Collected data

--*--

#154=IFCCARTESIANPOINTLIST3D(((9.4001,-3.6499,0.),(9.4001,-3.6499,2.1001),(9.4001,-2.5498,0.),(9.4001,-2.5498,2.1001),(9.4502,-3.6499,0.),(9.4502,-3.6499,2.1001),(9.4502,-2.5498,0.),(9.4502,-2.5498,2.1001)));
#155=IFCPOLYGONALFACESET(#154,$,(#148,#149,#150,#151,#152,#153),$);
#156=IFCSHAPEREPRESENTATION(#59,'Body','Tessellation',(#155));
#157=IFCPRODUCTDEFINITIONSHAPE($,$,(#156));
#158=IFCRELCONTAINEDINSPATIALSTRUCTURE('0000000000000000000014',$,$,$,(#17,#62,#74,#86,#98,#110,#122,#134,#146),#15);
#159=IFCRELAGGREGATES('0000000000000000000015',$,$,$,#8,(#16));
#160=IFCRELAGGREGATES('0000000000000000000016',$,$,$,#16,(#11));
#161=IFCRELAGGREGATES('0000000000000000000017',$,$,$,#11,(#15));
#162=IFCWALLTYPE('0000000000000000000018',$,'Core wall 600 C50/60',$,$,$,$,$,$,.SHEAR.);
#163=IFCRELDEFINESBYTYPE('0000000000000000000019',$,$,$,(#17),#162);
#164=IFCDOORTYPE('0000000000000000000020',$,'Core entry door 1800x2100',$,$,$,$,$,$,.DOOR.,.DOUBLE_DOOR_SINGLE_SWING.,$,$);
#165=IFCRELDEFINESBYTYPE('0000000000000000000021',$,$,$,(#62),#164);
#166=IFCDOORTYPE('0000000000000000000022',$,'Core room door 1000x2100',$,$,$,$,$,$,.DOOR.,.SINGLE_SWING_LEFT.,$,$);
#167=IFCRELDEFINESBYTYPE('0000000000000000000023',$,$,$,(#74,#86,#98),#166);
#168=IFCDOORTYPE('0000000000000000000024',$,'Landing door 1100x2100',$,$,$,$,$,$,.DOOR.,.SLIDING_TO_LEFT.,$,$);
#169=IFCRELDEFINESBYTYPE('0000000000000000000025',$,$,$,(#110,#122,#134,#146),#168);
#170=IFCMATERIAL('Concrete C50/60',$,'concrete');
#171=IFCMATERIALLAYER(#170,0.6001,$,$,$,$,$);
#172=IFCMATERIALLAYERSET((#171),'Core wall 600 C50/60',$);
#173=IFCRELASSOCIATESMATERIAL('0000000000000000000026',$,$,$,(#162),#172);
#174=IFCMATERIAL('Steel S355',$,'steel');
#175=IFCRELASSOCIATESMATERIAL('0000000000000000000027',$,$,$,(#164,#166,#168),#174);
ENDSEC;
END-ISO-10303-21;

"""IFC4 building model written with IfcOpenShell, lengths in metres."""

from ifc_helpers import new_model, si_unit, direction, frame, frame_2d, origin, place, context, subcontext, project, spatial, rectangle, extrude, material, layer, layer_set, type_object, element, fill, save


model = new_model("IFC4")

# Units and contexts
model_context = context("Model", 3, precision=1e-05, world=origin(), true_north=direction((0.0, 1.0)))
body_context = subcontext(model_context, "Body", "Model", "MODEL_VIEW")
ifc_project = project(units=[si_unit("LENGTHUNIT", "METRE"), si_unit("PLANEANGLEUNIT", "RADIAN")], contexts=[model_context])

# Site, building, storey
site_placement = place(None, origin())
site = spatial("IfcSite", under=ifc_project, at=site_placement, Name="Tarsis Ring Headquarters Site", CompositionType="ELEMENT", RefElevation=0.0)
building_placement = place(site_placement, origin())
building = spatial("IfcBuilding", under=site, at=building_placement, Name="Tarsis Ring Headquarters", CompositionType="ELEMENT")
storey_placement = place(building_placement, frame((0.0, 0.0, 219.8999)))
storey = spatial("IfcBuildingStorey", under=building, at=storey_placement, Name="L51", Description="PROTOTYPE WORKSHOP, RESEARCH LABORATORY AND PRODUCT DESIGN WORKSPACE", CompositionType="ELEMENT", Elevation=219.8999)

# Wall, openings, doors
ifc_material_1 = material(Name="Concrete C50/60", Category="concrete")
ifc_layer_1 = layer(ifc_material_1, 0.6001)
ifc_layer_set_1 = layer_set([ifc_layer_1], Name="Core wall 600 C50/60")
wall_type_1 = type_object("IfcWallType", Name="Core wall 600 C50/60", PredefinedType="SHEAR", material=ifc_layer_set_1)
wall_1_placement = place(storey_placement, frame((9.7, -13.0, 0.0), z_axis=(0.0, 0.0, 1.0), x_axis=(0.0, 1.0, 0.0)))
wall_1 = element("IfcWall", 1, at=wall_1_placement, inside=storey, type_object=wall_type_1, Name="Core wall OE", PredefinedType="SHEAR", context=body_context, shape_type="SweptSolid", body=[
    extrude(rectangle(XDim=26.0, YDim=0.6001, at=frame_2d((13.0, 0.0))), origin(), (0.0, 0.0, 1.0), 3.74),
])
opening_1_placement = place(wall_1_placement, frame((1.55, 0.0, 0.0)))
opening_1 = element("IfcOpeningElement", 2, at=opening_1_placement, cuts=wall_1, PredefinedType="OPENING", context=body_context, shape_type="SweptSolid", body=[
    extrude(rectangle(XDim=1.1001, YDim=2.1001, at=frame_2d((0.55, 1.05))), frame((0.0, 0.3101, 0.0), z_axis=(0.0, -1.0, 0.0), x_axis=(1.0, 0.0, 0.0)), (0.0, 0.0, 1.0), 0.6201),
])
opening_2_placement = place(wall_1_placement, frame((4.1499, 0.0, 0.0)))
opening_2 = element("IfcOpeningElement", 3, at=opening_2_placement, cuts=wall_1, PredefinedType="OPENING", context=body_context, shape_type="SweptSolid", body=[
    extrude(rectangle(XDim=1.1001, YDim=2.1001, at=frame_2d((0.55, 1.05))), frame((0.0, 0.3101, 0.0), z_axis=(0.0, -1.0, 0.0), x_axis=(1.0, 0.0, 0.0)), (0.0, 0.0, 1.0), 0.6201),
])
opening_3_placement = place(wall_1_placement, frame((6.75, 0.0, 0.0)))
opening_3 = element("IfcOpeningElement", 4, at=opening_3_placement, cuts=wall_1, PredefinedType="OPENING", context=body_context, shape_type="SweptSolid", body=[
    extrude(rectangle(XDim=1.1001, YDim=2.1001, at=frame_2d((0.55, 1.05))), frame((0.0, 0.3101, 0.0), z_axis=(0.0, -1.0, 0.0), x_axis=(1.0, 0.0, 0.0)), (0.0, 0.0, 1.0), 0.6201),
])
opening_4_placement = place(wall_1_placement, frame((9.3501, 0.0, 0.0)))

--*--

* Your task *
The exercise is to copy out every line above that has the word "Ring" in it.

* Final answer *
site = spatial("IfcSite", under=ifc_project, at=site_placement, Name="Tarsis Ring Headquarters Site", CompositionType="ELEMENT", RefElevation=0.0)
building = spatial("IfcBuilding", under=site, at=building_placement, Name="Tarsis Ring Headquarters", CompositionType="ELEMENT")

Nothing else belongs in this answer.